[Stored data entries]
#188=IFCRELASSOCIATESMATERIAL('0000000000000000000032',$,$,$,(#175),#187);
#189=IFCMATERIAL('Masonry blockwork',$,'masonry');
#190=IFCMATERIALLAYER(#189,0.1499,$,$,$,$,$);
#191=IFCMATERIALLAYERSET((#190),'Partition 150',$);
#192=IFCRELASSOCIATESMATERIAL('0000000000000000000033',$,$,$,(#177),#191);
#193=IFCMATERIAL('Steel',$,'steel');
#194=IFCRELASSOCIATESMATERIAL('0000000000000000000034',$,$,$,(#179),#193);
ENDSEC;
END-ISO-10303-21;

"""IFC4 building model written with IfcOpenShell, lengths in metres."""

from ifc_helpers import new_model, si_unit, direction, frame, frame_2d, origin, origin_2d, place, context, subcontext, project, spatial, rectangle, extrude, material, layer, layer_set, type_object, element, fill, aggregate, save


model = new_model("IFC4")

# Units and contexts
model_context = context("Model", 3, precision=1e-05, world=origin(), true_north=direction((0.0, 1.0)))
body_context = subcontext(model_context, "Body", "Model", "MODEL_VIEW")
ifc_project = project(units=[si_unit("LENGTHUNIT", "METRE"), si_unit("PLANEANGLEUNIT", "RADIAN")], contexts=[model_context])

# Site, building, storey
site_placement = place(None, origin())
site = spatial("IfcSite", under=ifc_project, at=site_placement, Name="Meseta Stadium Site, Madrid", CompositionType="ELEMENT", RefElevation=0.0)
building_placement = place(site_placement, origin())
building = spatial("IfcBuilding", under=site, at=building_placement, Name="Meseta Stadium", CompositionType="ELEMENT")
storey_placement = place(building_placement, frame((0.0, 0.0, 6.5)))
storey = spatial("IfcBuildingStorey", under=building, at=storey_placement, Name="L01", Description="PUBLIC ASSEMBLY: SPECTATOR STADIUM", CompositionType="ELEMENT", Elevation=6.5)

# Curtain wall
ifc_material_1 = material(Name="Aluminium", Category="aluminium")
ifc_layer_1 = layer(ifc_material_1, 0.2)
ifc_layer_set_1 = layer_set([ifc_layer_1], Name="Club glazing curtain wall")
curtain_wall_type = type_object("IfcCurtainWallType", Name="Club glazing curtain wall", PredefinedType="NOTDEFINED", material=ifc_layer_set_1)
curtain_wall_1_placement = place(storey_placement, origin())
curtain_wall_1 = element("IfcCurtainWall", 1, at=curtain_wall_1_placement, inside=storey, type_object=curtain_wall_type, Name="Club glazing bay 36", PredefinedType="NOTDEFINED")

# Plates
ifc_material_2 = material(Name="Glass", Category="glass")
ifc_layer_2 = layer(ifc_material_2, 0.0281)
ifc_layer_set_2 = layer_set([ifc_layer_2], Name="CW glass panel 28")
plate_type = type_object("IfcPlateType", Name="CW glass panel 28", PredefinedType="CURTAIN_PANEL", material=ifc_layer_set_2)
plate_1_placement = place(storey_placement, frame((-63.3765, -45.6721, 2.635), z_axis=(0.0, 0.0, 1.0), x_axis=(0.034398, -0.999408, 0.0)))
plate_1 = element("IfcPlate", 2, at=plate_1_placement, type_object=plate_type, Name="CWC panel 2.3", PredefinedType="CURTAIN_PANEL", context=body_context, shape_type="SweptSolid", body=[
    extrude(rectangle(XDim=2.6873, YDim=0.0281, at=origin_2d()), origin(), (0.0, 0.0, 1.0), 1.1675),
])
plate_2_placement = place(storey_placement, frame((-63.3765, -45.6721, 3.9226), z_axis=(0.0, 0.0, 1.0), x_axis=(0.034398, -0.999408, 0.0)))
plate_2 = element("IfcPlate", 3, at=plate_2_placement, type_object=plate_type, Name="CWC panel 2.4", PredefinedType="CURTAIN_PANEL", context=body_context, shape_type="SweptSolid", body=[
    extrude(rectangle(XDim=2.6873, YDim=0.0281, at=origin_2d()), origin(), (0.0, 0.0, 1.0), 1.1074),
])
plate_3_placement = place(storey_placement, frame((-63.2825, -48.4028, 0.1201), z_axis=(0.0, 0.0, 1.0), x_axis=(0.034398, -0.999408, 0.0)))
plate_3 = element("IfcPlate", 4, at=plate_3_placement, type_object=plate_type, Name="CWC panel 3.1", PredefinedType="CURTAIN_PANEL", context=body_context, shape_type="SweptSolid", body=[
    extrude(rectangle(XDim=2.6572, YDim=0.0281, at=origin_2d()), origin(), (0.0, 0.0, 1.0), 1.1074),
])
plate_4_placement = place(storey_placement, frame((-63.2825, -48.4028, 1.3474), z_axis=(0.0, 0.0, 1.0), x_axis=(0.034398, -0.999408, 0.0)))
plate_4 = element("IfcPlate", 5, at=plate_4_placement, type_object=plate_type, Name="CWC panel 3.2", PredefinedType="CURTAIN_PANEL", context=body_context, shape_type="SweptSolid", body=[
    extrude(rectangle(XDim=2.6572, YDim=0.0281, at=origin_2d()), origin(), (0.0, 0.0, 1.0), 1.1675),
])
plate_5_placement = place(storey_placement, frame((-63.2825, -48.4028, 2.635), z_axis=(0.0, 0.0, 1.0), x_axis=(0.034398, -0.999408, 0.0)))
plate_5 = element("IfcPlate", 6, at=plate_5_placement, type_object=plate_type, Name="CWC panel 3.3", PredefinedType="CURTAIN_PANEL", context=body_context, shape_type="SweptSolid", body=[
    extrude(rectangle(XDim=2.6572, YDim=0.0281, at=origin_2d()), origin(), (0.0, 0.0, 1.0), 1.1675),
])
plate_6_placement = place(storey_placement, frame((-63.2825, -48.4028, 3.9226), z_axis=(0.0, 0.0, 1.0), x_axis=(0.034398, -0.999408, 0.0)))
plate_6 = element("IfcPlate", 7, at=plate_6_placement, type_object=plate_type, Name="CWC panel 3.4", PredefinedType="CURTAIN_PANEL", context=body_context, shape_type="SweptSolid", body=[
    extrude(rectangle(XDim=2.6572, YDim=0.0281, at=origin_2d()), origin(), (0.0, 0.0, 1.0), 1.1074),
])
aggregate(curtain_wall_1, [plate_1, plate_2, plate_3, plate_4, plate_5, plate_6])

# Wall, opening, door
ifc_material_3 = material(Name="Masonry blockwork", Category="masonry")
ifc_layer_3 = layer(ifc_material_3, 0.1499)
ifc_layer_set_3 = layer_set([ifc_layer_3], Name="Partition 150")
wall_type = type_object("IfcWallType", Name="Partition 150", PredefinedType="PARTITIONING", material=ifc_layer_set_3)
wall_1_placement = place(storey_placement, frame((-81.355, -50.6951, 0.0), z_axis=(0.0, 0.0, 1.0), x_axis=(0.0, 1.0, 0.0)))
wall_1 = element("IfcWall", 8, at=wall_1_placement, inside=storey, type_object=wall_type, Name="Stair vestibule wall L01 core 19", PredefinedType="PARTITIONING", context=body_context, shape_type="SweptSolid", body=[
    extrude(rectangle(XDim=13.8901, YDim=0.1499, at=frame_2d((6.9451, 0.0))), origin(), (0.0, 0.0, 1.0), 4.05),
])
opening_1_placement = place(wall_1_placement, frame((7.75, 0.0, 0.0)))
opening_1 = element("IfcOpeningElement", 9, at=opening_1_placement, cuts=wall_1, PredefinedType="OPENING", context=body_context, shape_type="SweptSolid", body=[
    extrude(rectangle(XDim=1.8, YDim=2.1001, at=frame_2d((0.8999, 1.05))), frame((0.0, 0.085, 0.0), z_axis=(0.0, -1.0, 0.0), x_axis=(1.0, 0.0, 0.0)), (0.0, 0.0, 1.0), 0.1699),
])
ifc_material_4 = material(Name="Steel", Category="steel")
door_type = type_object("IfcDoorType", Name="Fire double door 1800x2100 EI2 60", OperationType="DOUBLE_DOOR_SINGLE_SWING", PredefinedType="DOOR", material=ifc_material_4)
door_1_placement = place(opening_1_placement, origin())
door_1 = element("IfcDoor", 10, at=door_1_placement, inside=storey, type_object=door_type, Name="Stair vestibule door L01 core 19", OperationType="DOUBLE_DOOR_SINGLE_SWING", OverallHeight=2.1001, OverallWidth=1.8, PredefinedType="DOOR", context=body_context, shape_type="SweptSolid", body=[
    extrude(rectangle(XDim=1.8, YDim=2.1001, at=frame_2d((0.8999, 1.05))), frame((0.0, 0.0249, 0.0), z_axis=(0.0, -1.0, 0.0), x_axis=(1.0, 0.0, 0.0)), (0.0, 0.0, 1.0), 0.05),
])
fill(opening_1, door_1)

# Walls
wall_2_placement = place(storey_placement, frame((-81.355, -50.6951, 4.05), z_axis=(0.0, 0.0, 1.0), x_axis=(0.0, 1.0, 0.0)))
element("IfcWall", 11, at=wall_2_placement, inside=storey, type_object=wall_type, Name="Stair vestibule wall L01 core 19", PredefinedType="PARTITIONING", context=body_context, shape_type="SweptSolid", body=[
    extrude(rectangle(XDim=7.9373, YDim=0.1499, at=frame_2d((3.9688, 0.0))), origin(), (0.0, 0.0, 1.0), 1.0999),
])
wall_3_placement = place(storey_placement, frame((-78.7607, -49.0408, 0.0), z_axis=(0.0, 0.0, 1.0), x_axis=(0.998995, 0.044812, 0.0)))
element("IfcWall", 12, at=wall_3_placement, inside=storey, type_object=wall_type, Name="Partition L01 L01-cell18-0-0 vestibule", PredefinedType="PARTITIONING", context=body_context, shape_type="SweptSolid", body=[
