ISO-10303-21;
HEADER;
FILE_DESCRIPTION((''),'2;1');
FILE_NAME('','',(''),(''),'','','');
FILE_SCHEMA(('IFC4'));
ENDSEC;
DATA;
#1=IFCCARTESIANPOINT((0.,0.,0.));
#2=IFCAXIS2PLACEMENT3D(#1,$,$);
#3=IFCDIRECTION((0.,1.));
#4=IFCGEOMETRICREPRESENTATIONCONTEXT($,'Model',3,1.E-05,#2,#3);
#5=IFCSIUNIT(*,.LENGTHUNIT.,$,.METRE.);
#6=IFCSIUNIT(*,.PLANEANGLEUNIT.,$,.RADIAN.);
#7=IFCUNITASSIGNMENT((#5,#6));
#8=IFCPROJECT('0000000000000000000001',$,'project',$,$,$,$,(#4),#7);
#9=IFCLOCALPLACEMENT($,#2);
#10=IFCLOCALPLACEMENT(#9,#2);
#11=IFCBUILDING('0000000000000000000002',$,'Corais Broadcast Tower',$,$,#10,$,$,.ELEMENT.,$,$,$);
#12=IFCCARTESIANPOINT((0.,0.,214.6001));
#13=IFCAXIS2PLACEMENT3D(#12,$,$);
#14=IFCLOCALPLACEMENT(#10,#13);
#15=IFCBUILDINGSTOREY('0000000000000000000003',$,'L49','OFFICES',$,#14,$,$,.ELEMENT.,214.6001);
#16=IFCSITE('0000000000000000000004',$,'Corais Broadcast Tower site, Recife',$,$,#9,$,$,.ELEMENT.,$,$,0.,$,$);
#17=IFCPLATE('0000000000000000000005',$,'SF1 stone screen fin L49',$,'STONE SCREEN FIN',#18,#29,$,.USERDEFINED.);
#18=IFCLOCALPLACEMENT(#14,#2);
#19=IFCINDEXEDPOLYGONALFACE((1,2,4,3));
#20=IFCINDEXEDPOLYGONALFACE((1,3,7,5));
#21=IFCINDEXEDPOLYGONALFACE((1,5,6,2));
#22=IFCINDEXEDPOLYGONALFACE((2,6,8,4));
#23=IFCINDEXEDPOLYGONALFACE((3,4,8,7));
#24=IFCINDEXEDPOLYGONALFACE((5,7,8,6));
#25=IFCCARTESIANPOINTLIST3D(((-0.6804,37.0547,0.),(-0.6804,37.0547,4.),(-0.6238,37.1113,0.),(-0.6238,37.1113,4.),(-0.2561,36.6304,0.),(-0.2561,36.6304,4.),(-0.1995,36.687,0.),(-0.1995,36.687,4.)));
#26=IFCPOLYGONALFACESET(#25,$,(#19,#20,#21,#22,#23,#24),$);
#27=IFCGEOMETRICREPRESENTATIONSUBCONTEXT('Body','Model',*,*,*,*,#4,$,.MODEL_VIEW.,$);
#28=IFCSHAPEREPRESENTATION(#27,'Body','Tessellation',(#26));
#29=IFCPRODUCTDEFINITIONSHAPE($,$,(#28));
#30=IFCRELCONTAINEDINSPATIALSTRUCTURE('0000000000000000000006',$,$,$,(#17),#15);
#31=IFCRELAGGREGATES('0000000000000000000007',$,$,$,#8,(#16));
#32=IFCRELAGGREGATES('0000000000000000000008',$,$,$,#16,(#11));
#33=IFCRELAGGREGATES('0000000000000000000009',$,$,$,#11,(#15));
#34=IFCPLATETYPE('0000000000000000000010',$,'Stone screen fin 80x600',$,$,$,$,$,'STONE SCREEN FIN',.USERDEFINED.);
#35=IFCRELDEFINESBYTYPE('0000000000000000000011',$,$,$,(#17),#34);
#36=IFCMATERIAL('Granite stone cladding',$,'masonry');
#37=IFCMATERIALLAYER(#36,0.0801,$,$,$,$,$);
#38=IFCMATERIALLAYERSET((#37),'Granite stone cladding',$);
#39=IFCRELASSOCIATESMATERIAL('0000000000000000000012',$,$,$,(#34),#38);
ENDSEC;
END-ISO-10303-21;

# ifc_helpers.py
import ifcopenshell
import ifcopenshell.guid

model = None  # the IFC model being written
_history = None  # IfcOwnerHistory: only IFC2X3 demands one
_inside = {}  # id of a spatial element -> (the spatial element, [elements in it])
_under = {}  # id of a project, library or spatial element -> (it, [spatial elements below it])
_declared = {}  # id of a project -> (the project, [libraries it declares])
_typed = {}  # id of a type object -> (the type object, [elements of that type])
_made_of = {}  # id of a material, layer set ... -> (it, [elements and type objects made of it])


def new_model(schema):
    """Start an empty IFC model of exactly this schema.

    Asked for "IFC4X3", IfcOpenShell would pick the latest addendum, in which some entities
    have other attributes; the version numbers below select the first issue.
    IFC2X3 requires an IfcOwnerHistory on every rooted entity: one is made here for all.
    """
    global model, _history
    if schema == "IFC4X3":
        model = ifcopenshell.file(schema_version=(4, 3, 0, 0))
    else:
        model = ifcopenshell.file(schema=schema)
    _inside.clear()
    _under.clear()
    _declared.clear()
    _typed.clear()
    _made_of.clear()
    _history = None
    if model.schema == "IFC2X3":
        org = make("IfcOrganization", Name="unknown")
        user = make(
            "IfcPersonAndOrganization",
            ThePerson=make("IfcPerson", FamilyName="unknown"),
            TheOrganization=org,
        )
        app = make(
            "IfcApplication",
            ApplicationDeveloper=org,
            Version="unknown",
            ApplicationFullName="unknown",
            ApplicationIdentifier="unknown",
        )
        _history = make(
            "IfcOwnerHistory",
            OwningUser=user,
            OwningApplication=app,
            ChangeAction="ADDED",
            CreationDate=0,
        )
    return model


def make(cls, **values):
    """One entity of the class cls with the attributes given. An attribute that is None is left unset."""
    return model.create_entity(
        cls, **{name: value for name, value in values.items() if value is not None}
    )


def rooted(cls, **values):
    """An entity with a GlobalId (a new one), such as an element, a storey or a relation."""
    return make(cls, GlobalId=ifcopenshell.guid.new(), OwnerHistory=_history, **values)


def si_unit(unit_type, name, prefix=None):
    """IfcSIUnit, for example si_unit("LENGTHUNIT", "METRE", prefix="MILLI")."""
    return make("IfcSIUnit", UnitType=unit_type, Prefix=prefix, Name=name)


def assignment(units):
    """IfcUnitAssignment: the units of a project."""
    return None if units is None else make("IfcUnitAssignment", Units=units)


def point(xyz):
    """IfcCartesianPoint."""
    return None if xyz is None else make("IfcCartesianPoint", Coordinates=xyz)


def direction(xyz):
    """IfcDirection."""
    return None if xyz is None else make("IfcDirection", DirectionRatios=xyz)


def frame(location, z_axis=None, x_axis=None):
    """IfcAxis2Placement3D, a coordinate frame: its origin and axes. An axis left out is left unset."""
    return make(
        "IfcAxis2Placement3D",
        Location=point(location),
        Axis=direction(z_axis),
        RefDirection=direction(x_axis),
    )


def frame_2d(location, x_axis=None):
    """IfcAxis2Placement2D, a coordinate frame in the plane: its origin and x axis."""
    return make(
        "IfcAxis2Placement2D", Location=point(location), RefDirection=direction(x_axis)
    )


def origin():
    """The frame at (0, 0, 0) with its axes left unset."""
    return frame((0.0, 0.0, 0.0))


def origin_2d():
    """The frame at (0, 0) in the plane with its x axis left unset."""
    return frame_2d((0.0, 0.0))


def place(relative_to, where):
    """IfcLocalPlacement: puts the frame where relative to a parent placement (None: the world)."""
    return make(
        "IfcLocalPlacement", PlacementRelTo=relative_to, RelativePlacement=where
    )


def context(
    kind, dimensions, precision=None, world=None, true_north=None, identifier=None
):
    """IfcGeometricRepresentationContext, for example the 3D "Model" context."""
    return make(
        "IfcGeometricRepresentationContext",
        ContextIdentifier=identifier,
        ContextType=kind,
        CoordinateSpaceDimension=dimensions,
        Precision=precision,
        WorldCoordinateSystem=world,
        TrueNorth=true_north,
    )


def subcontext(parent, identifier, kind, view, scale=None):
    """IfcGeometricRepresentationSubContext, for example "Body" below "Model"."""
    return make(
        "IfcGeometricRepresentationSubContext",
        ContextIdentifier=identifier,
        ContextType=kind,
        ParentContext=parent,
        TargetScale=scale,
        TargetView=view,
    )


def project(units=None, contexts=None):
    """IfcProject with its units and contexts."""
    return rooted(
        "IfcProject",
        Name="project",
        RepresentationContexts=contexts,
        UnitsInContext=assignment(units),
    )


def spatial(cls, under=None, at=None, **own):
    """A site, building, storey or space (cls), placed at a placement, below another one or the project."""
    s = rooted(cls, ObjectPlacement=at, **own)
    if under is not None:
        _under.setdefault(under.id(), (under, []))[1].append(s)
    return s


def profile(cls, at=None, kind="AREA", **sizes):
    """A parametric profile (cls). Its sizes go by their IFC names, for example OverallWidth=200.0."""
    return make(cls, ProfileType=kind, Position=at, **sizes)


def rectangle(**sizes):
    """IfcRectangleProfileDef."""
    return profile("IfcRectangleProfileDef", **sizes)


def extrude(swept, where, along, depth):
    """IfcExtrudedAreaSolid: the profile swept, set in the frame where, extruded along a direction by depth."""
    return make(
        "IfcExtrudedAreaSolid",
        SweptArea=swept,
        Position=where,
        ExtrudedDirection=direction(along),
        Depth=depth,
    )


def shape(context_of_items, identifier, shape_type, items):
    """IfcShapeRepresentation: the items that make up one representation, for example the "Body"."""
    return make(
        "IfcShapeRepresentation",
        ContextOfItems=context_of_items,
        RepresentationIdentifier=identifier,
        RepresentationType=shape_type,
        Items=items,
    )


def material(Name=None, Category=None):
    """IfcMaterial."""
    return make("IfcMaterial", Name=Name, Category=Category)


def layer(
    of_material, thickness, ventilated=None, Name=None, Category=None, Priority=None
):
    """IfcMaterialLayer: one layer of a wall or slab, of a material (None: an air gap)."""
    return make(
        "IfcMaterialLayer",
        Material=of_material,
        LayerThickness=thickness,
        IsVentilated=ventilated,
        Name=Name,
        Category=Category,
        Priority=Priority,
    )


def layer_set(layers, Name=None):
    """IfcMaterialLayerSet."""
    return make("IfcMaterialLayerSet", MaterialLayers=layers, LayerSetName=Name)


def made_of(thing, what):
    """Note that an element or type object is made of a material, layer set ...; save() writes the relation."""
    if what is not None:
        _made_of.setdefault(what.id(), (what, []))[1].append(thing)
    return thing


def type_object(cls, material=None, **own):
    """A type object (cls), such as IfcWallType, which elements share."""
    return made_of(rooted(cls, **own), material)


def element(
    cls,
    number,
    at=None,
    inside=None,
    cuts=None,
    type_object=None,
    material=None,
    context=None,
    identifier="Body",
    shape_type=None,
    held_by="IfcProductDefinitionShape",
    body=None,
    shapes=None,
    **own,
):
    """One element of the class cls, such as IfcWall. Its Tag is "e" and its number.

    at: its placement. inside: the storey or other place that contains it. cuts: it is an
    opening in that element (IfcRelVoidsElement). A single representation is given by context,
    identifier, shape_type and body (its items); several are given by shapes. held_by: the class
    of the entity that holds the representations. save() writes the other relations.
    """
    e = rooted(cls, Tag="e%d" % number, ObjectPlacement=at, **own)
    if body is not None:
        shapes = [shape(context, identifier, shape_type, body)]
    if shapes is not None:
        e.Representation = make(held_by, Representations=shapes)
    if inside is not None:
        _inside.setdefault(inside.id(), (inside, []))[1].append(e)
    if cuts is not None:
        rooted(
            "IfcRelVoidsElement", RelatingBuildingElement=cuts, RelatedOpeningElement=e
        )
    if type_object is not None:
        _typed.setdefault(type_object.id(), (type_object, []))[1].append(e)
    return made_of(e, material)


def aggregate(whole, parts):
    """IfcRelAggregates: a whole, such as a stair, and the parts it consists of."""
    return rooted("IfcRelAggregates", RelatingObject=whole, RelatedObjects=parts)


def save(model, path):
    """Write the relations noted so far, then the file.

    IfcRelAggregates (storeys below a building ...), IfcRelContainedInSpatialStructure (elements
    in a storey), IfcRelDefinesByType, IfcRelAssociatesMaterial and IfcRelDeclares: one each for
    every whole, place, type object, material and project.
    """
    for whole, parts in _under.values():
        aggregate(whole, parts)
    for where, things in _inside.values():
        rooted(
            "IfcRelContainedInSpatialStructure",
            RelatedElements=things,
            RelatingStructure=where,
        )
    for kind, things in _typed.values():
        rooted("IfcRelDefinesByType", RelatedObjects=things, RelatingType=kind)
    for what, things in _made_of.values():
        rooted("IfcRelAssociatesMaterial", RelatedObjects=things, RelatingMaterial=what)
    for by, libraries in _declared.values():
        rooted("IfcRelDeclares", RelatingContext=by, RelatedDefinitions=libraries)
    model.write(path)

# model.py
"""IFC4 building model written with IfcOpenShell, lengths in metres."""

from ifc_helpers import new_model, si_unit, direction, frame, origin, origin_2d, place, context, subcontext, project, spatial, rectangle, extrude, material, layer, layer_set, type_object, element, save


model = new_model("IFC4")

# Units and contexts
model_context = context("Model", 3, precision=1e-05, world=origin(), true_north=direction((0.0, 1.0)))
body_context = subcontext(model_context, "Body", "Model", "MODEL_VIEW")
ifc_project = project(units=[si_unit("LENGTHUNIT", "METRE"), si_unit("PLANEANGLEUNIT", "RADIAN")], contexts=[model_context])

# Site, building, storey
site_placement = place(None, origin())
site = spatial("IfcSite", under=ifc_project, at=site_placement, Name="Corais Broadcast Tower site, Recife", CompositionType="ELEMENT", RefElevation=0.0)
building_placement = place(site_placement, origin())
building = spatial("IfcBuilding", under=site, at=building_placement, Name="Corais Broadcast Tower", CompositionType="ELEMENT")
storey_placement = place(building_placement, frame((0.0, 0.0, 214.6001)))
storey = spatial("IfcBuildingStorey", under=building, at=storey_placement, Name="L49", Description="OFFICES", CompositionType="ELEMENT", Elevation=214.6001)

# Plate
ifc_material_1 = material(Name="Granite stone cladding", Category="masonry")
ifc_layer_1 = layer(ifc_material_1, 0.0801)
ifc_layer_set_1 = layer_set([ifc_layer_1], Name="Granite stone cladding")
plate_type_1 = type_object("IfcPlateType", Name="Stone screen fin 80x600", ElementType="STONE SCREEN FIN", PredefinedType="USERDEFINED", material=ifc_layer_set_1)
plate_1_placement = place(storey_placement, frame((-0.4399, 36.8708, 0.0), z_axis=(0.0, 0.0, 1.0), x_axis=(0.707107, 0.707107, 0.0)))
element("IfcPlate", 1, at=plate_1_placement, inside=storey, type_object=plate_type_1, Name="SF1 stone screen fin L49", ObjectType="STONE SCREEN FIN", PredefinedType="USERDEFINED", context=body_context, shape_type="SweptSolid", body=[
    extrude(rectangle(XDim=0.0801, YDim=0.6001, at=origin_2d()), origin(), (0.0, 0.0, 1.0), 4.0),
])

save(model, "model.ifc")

WHAT THIS TASK INVOLVES: In the records above, find each line with the string "kind" and list it.

SOLUTION FOR THIS EXERCISE:
    kind, dimensions, precision=None, world=None, true_north=None, identifier=None
        ContextType=kind,
def subcontext(parent, identifier, kind, view, scale=None):
        ContextType=kind,
def profile(cls, at=None, kind="AREA", **sizes):
    return make(cls, ProfileType=kind, Position=at, **sizes)
    for kind, things in _typed.values():
        rooted("IfcRelDefinesByType", RelatedObjects=things, RelatingType=kind)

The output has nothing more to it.